» Work item: Please copy the leading lines of the entries below exactly, concluding with the line in which "#5=IFCSIUNIT(*,.LENGTHUNIT.,$,.METRE.);" occurs.

(Recorded data)
○ ○ ○ ○ ○ ○ ○

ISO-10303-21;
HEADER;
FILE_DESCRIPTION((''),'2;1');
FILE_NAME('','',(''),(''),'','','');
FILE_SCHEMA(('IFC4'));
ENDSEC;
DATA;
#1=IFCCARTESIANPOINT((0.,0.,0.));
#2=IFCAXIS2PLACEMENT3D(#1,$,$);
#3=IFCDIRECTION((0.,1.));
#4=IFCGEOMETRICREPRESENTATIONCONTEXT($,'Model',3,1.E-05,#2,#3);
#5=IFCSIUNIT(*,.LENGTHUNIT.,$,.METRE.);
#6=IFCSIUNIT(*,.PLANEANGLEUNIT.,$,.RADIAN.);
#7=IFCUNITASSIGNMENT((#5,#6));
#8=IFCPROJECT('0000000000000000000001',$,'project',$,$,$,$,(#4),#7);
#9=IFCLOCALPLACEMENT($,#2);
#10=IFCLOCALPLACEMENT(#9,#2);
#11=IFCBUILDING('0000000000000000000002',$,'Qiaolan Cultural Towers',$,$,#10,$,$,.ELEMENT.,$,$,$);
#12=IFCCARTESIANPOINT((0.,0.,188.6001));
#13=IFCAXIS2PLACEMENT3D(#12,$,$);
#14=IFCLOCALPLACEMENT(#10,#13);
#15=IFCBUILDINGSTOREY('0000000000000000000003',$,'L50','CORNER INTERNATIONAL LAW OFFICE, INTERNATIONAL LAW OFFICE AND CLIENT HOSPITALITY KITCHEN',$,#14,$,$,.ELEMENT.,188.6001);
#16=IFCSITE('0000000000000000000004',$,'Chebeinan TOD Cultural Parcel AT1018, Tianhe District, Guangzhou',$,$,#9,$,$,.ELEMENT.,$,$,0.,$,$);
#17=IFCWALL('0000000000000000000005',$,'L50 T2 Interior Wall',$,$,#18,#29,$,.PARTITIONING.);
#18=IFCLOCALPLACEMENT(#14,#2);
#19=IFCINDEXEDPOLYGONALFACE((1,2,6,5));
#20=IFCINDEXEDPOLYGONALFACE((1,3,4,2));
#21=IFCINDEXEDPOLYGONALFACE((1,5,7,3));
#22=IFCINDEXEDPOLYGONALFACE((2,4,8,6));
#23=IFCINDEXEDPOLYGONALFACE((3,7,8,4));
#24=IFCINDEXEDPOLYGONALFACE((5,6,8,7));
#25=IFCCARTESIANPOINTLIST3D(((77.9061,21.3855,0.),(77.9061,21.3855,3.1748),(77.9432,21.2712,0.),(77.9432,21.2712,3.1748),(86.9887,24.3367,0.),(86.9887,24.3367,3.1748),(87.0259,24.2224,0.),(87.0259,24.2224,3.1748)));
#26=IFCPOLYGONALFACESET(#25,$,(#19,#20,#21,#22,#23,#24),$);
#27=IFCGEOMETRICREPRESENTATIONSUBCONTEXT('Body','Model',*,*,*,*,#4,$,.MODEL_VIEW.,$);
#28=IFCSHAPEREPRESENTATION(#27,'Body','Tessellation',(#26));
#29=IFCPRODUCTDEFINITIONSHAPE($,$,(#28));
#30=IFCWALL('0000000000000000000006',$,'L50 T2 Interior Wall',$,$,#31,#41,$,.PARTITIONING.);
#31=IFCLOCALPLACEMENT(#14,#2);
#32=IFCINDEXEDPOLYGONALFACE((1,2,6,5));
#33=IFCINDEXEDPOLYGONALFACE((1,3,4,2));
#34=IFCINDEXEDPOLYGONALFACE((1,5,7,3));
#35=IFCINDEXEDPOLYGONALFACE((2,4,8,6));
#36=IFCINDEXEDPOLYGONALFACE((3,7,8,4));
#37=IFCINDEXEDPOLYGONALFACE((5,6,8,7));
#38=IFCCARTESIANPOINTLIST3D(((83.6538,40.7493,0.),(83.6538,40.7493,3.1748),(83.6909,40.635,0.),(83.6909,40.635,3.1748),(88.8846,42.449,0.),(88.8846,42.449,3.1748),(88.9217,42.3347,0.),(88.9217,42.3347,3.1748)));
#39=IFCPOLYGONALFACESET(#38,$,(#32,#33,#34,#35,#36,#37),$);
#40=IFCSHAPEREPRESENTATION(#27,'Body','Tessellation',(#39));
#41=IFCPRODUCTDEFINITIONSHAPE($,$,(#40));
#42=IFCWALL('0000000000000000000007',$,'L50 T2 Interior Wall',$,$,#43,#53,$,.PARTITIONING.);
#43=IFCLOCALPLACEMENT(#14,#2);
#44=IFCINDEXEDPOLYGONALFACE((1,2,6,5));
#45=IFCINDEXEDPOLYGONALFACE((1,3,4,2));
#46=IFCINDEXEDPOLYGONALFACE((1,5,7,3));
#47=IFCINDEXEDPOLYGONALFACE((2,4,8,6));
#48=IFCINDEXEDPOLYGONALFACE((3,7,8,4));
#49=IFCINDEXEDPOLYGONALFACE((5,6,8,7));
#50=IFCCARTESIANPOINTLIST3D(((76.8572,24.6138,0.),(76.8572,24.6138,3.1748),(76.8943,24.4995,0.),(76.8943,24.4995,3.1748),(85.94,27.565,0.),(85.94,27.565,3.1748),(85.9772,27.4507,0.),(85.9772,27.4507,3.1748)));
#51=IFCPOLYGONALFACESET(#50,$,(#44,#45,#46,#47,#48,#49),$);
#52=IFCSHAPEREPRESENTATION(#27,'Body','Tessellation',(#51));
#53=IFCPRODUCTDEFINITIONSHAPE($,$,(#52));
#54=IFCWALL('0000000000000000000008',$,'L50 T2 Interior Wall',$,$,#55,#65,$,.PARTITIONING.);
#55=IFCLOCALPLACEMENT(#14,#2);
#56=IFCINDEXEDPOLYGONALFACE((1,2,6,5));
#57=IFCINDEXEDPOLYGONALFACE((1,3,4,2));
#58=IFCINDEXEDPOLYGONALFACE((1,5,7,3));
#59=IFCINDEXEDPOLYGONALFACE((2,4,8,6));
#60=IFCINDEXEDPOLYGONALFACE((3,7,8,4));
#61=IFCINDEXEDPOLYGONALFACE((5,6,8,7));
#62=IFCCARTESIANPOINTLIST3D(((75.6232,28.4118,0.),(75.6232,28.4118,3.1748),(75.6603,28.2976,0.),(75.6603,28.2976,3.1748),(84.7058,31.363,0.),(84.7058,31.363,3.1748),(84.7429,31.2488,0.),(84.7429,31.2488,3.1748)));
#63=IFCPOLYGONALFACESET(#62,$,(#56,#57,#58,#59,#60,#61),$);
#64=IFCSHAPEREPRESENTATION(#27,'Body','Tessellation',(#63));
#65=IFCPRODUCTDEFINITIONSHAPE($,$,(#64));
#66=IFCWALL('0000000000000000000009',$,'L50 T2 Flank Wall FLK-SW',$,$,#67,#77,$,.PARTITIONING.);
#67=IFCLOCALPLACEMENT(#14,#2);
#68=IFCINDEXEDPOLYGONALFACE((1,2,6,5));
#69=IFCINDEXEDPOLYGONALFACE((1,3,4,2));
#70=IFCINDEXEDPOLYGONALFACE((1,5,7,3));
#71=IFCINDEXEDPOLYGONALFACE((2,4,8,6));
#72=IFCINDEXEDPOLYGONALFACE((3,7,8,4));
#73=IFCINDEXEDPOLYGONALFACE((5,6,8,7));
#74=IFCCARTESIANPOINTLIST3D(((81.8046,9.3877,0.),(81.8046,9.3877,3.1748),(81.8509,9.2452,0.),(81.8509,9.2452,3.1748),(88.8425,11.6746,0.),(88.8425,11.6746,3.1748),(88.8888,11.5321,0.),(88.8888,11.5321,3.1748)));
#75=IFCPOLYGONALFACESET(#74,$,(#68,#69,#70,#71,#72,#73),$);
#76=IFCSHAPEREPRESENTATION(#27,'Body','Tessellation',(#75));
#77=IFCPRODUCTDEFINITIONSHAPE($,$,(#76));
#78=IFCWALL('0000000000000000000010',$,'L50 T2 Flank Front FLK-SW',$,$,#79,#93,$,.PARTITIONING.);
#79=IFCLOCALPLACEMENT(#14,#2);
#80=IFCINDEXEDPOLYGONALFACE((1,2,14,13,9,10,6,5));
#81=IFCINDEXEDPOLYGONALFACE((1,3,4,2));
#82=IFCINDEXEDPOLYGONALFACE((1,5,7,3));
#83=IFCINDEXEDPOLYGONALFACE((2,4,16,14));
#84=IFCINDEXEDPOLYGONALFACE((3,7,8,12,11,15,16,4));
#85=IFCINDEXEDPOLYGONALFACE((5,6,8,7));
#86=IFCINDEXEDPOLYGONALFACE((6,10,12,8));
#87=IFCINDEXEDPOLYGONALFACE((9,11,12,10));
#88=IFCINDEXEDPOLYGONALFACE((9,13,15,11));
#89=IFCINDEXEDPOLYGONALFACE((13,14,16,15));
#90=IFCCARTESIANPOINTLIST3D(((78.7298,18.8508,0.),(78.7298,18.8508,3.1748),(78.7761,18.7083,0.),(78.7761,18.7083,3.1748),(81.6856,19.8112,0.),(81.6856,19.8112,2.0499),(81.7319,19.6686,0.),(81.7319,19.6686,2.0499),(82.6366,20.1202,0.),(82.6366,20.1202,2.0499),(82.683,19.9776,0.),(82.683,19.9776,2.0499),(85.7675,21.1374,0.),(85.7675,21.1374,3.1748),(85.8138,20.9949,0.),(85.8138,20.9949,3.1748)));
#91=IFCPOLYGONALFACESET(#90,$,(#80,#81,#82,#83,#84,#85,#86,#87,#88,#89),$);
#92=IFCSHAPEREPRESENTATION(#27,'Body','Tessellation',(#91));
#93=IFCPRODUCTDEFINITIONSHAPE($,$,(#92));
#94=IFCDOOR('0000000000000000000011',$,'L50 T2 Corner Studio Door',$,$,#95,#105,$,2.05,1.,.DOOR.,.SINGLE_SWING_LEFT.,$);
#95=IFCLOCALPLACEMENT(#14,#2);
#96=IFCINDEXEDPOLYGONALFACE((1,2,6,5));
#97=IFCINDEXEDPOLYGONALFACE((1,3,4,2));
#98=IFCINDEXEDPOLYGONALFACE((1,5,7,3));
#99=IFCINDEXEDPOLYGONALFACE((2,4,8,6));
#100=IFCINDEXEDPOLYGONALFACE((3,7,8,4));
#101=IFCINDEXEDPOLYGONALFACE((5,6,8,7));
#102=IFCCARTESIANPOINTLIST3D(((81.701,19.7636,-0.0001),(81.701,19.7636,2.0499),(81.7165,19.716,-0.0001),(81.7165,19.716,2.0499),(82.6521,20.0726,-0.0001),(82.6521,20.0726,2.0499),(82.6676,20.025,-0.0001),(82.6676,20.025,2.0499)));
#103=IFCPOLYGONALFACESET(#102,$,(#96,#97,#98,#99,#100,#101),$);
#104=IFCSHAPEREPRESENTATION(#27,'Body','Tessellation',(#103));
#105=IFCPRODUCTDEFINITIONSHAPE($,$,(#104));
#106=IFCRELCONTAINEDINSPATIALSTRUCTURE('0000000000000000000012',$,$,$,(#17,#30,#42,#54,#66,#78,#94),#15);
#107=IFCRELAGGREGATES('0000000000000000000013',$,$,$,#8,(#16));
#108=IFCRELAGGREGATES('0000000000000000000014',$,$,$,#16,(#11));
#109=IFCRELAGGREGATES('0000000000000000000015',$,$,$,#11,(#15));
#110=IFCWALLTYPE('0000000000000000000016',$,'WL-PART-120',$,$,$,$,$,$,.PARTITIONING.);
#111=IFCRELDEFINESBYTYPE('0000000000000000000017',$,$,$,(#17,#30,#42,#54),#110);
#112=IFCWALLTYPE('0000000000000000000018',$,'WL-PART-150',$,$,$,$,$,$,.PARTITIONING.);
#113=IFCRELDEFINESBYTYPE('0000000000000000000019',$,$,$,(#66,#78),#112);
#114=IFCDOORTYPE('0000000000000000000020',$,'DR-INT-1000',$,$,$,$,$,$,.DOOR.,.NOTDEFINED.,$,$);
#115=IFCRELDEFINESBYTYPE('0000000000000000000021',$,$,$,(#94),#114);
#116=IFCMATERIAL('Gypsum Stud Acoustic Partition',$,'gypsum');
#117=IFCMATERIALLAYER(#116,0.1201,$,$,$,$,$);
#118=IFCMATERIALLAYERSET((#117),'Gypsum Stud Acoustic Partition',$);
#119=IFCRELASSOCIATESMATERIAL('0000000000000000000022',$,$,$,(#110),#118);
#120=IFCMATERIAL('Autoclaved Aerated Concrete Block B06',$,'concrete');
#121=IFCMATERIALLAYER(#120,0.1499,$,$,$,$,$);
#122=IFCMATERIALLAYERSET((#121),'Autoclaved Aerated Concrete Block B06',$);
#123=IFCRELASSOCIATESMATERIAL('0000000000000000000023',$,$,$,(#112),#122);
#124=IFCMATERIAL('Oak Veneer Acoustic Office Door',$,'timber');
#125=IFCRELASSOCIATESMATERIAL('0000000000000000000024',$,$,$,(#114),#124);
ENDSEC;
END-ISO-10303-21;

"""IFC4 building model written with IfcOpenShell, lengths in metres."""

from ifc_helpers import new_model, si_unit, direction, frame, frame_2d, origin, place, context, subcontext, project, spatial, rectangle, extrude, material, layer, layer_set, type_object, element, fill, save


model = new_model("IFC4")

# Units and contexts
model_context = context("Model", 3, precision=1e-05, world=origin(), true_north=direction((0.0, 1.0)))
body_context = subcontext(model_context, "Body", "Model", "MODEL_VIEW")
ifc_project = project(units=[si_unit("LENGTHUNIT", "METRE"), si_unit("PLANEANGLEUNIT", "RADIAN")], contexts=[model_context])

# Site, building, storey
site_placement = place(None, origin())
site = spatial("IfcSite", under=ifc_project, at=site_placement, Name="Chebeinan TOD Cultural Parcel AT1018, Tianhe District, Guangzhou", CompositionType="ELEMENT", RefElevation=0.0)
building_placement = place(site_placement, origin())
building = spatial("IfcBuilding", under=site, at=building_placement, Name="Qiaolan Cultural Towers", CompositionType="ELEMENT")
storey_placement = place(building_placement, frame((0.0, 0.0, 188.6001)))
storey = spatial("IfcBuildingStorey", under=building, at=storey_placement, Name="L50", Description="CORNER INTERNATIONAL LAW OFFICE, INTERNATIONAL LAW OFFICE AND CLIENT HOSPITALITY KITCHEN", CompositionType="ELEMENT", Elevation=188.6001)

# Walls
ifc_material_1 = material(Name="Gypsum Stud Acoustic Partition", Category="gypsum")
ifc_layer_1 = layer(ifc_material_1, 0.1201)
ifc_layer_set_1 = layer_set([ifc_layer_1], Name="Gypsum Stud Acoustic Partition")
wall_type_1 = type_object("IfcWallType", Name="WL-PART-120", PredefinedType="PARTITIONING", material=ifc_layer_set_1)
wall_1_placement = place(storey_placement, frame((77.9248, 21.3284, 0.0), z_axis=(0.0, 0.0, 1.0), x_axis=(0.951054, 0.309025, 0.0)))
element("IfcWall", 1, at=wall_1_placement, inside=storey, type_object=wall_type_1, Name="L50 T2 Interior Wall", PredefinedType="PARTITIONING", context=body_context, shape_type="SweptSolid", body=[
    extrude(rectangle(XDim=9.55, YDim=0.1201, at=frame_2d((4.7749, 0.0))), origin(), (0.0, 0.0, 1.0), 3.1748),
])
wall_2_placement = place(storey_placement, frame((83.6724, 40.6921, 0.0), z_axis=(0.0, 0.0, 1.0), x_axis=(0.951049, 0.309041, 0.0)))
element("IfcWall", 2, at=wall_2_placement, inside=storey, type_object=wall_type_1, Name="L50 T2 Interior Wall", PredefinedType="PARTITIONING", context=body_context, shape_type="SweptSolid", body=[
    extrude(rectangle(XDim=5.5, YDim=0.1201, at=frame_2d((2.75, 0.0))), origin(), (0.0, 0.0, 1.0), 3.1748),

○ ○ ○ ○ ○ ○ ○

» Solution for this task:
ISO-10303-21;
HEADER;
FILE_DESCRIPTION((''),'2;1');
FILE_NAME('','',(''),(''),'','','');
FILE_SCHEMA(('IFC4'));
ENDSEC;
DATA;
#1=IFCCARTESIANPOINT((0.,0.,0.));
#2=IFCAXIS2PLACEMENT3D(#1,$,$);
#3=IFCDIRECTION((0.,1.));
#4=IFCGEOMETRICREPRESENTATIONCONTEXT($,'Model',3,1.E-05,#2,#3);
#5=IFCSIUNIT(*,.LENGTHUNIT.,$,.METRE.);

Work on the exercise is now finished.